Your answer must be the records below, reproduced exactly.

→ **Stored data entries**
■ ■ ■ ■
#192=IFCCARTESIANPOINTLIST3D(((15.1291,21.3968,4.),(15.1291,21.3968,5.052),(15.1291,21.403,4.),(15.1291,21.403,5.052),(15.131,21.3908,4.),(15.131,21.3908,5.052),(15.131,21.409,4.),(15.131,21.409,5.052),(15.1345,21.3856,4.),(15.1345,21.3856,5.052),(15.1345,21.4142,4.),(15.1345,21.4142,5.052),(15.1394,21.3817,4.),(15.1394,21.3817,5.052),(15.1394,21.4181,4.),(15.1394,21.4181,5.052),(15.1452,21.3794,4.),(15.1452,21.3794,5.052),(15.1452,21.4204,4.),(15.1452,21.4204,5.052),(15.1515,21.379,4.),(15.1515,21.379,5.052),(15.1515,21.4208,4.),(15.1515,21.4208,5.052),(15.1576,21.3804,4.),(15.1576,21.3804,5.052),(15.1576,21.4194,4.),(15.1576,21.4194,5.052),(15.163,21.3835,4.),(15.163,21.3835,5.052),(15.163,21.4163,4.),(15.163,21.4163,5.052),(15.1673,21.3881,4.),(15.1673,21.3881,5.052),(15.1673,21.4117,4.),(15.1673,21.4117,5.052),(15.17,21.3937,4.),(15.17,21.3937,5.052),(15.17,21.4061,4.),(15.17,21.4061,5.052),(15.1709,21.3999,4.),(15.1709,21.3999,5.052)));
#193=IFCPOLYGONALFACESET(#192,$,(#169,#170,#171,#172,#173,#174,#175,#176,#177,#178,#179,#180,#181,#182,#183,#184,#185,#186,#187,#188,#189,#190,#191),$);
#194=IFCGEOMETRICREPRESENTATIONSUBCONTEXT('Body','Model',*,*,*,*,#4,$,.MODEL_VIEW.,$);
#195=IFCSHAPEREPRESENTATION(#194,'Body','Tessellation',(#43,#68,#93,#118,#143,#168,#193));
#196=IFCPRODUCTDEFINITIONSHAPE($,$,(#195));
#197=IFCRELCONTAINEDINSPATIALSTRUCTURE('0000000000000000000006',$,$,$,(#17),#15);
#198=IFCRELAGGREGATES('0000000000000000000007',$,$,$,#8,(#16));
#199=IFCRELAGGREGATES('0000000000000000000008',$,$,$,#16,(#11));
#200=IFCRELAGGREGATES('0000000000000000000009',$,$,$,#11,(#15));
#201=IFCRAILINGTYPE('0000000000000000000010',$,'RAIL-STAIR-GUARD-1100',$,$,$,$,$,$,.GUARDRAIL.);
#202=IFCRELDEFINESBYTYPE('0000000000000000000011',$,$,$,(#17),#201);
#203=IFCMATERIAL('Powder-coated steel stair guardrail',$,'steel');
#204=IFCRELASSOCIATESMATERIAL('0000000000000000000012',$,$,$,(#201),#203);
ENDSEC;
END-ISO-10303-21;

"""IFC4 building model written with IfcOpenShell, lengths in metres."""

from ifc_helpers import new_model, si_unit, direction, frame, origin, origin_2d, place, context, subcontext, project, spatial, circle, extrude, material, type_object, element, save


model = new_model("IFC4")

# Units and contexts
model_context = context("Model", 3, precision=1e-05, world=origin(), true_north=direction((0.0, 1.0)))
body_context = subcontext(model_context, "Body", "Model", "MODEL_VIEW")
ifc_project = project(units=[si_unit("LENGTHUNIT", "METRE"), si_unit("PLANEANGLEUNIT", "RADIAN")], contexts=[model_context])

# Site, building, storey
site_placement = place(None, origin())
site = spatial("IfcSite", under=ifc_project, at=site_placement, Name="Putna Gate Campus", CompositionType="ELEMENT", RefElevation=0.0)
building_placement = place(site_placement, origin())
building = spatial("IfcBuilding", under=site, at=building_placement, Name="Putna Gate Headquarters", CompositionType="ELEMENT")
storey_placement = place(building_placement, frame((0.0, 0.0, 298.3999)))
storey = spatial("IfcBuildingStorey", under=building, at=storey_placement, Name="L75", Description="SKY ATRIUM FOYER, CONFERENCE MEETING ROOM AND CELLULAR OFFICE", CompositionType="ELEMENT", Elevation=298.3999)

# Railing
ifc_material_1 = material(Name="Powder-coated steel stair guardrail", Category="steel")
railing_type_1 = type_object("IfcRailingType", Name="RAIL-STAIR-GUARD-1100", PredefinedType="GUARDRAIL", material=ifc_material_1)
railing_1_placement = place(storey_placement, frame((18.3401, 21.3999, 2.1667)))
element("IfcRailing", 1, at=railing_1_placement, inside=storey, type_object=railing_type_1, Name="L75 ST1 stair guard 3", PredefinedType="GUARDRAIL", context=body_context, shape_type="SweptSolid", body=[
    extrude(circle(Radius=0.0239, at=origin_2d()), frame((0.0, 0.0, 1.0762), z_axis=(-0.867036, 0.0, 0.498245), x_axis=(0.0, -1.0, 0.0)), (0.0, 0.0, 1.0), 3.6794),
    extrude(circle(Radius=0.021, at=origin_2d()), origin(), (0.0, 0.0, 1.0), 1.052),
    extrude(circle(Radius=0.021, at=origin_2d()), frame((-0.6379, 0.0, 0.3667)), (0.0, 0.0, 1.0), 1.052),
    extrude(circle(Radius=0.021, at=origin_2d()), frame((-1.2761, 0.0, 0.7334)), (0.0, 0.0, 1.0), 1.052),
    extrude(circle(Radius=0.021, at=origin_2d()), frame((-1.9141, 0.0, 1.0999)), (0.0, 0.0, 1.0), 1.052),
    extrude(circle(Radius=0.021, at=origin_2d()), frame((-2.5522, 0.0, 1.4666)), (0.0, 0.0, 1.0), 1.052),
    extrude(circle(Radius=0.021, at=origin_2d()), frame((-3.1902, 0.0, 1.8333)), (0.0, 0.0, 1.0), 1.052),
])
■ ■ ■ ■
→ **RESPONSE BOX**
#192=IFCCARTESIANPOINTLIST3D(((15.1291,21.3968,4.),(15.1291,21.3968,5.052),(15.1291,21.403,4.),(15.1291,21.403,5.052),(15.131,21.3908,4.),(15.131,21.3908,5.052),(15.131,21.409,4.),(15.131,21.409,5.052),(15.1345,21.3856,4.),(15.1345,21.3856,5.052),(15.1345,21.4142,4.),(15.1345,21.4142,5.052),(15.1394,21.3817,4.),(15.1394,21.3817,5.052),(15.1394,21.4181,4.),(15.1394,21.4181,5.052),(15.1452,21.3794,4.),(15.1452,21.3794,5.052),(15.1452,21.4204,4.),(15.1452,21.4204,5.052),(15.1515,21.379,4.),(15.1515,21.379,5.052),(15.1515,21.4208,4.),(15.1515,21.4208,5.052),(15.1576,21.3804,4.),(15.1576,21.3804,5.052),(15.1576,21.4194,4.),(15.1576,21.4194,5.052),(15.163,21.3835,4.),(15.163,21.3835,5.052),(15.163,21.4163,4.),(15.163,21.4163,5.052),(15.1673,21.3881,4.),(15.1673,21.3881,5.052),(15.1673,21.4117,4.),(15.1673,21.4117,5.052),(15.17,21.3937,4.),(15.17,21.3937,5.052),(15.17,21.4061,4.),(15.17,21.4061,5.052),(15.1709,21.3999,4.),(15.1709,21.3999,5.052)));
#193=IFCPOLYGONALFACESET(#192,$,(#169,#170,#171,#172,#173,#174,#175,#176,#177,#178,#179,#180,#181,#182,#183,#184,#185,#186,#187,#188,#189,#190,#191),$);
#194=IFCGEOMETRICREPRESENTATIONSUBCONTEXT('Body','Model',*,*,*,*,#4,$,.MODEL_VIEW.,$);
#195=IFCSHAPEREPRESENTATION(#194,'Body','Tessellation',(#43,#68,#93,#118,#143,#168,#193));
#196=IFCPRODUCTDEFINITIONSHAPE($,$,(#195));
#197=IFCRELCONTAINEDINSPATIALSTRUCTURE('0000000000000000000006',$,$,$,(#17),#15);
#198=IFCRELAGGREGATES('0000000000000000000007',$,$,$,#8,(#16));
#199=IFCRELAGGREGATES('0000000000000000000008',$,$,$,#16,(#11));
#200=IFCRELAGGREGATES('0000000000000000000009',$,$,$,#11,(#15));
#201=IFCRAILINGTYPE('0000000000000000000010',$,'RAIL-STAIR-GUARD-1100',$,$,$,$,$,$,.GUARDRAIL.);
#202=IFCRELDEFINESBYTYPE('0000000000000000000011',$,$,$,(#17),#201);
#203=IFCMATERIAL('Powder-coated steel stair guardrail',$,'steel');
#204=IFCRELASSOCIATESMATERIAL('0000000000000000000012',$,$,$,(#201),#203);
ENDSEC;
END-ISO-10303-21;

"""IFC4 building model written with IfcOpenShell, lengths in metres."""

from ifc_helpers import new_model, si_unit, direction, frame, origin, origin_2d, place, context, subcontext, project, spatial, circle, extrude, material, type_object, element, save


model = new_model("IFC4")

# Units and contexts
model_context = context("Model", 3, precision=1e-05, world=origin(), true_north=direction((0.0, 1.0)))
body_context = subcontext(model_context, "Body", "Model", "MODEL_VIEW")
ifc_project = project(units=[si_unit("LENGTHUNIT", "METRE"), si_unit("PLANEANGLEUNIT", "RADIAN")], contexts=[model_context])

# Site, building, storey
site_placement = place(None, origin())
site = spatial("IfcSite", under=ifc_project, at=site_placement, Name="Putna Gate Campus", CompositionType="ELEMENT", RefElevation=0.0)
building_placement = place(site_placement, origin())
building = spatial("IfcBuilding", under=site, at=building_placement, Name="Putna Gate Headquarters", CompositionType="ELEMENT")
storey_placement = place(building_placement, frame((0.0, 0.0, 298.3999)))
storey = spatial("IfcBuildingStorey", under=building, at=storey_placement, Name="L75", Description="SKY ATRIUM FOYER, CONFERENCE MEETING ROOM AND CELLULAR OFFICE", CompositionType="ELEMENT", Elevation=298.3999)

# Railing
ifc_material_1 = material(Name="Powder-coated steel stair guardrail", Category="steel")
railing_type_1 = type_object("IfcRailingType", Name="RAIL-STAIR-GUARD-1100", PredefinedType="GUARDRAIL", material=ifc_material_1)
railing_1_placement = place(storey_placement, frame((18.3401, 21.3999, 2.1667)))
element("IfcRailing", 1, at=railing_1_placement, inside=storey, type_object=railing_type_1, Name="L75 ST1 stair guard 3", PredefinedType="GUARDRAIL", context=body_context, shape_type="SweptSolid", body=[
    extrude(circle(Radius=0.0239, at=origin_2d()), frame((0.0, 0.0, 1.0762), z_axis=(-0.867036, 0.0, 0.498245), x_axis=(0.0, -1.0, 0.0)), (0.0, 0.0, 1.0), 3.6794),
    extrude(circle(Radius=0.021, at=origin_2d()), origin(), (0.0, 0.0, 1.0), 1.052),
    extrude(circle(Radius=0.021, at=origin_2d()), frame((-0.6379, 0.0, 0.3667)), (0.0, 0.0, 1.0), 1.052),
    extrude(circle(Radius=0.021, at=origin_2d()), frame((-1.2761, 0.0, 0.7334)), (0.0, 0.0, 1.0), 1.052),
    extrude(circle(Radius=0.021, at=origin_2d()), frame((-1.9141, 0.0, 1.0999)), (0.0, 0.0, 1.0), 1.052),
    extrude(circle(Radius=0.021, at=origin_2d()), frame((-2.5522, 0.0, 1.4666)), (0.0, 0.0, 1.0), 1.052),
    extrude(circle(Radius=0.021, at=origin_2d()), frame((-3.1902, 0.0, 1.8333)), (0.0, 0.0, 1.0), 1.052),
])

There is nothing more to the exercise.